> [Data to examine]:
######

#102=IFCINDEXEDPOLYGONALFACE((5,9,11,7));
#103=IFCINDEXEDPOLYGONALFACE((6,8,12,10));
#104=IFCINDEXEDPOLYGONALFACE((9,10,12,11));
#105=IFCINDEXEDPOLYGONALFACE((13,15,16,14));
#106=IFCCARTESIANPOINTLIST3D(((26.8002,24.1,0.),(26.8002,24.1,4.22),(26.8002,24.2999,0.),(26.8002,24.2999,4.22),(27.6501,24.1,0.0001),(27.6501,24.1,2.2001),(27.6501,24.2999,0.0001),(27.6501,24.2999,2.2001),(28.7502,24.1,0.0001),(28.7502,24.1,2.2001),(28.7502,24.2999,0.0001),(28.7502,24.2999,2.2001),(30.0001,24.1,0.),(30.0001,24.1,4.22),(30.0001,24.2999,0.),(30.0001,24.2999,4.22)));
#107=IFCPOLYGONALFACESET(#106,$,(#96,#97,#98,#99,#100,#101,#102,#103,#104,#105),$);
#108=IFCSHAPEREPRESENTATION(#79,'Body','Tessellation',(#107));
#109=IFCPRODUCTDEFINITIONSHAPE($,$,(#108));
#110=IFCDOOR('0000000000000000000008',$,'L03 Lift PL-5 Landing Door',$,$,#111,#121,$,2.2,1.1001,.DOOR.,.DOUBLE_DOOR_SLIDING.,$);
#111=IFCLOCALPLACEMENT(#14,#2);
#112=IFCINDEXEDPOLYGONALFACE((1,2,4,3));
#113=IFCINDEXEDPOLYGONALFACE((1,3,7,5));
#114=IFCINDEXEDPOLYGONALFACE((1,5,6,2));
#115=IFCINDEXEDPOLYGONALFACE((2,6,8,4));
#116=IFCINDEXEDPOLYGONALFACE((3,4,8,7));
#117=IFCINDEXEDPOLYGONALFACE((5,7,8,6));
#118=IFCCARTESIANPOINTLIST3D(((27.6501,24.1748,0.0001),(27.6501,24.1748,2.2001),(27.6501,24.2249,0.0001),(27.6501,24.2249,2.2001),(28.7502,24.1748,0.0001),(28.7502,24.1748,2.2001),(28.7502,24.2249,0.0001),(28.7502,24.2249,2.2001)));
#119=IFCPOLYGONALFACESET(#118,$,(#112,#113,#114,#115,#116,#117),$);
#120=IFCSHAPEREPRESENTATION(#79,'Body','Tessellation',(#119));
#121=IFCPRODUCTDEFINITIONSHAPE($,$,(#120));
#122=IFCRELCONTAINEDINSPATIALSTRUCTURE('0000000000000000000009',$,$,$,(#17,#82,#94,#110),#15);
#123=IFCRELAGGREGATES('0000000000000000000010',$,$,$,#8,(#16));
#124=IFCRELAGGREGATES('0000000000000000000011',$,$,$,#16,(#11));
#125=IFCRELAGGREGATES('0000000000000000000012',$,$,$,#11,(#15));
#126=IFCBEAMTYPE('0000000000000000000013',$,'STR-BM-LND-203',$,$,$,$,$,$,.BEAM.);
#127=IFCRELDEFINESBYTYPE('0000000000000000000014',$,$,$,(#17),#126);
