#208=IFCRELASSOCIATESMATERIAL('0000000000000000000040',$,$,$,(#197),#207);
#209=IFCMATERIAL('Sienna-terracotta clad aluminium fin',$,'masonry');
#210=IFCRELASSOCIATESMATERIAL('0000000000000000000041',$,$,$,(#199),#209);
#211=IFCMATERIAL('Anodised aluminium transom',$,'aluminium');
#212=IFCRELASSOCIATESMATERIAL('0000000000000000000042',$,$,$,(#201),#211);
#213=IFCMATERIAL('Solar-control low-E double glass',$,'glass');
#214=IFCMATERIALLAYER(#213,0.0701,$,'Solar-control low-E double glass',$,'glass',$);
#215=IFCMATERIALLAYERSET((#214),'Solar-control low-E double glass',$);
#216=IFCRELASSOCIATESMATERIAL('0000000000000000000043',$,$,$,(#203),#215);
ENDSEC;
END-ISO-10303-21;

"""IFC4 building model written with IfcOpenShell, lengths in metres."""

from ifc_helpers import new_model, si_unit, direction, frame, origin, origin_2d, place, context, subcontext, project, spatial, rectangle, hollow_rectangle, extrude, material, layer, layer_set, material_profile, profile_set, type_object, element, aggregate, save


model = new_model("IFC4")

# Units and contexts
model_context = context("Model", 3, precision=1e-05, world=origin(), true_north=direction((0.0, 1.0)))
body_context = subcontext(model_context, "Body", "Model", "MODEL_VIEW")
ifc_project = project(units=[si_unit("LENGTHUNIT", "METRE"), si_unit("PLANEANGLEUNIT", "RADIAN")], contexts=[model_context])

######

> [Try it]: From the first line of the records above down to the line containing "#105=IFCINDEXEDPOLYGONALFACE((13,15,16,14));", repeat each line exactly as written. Include both of those lines and add nothing.

> [Response below]:
#102=IFCINDEXEDPOLYGONALFACE((5,9,11,7));
#103=IFCINDEXEDPOLYGONALFACE((6,8,12,10));
#104=IFCINDEXEDPOLYGONALFACE((9,10,12,11));
#105=IFCINDEXEDPOLYGONALFACE((13,15,16,14));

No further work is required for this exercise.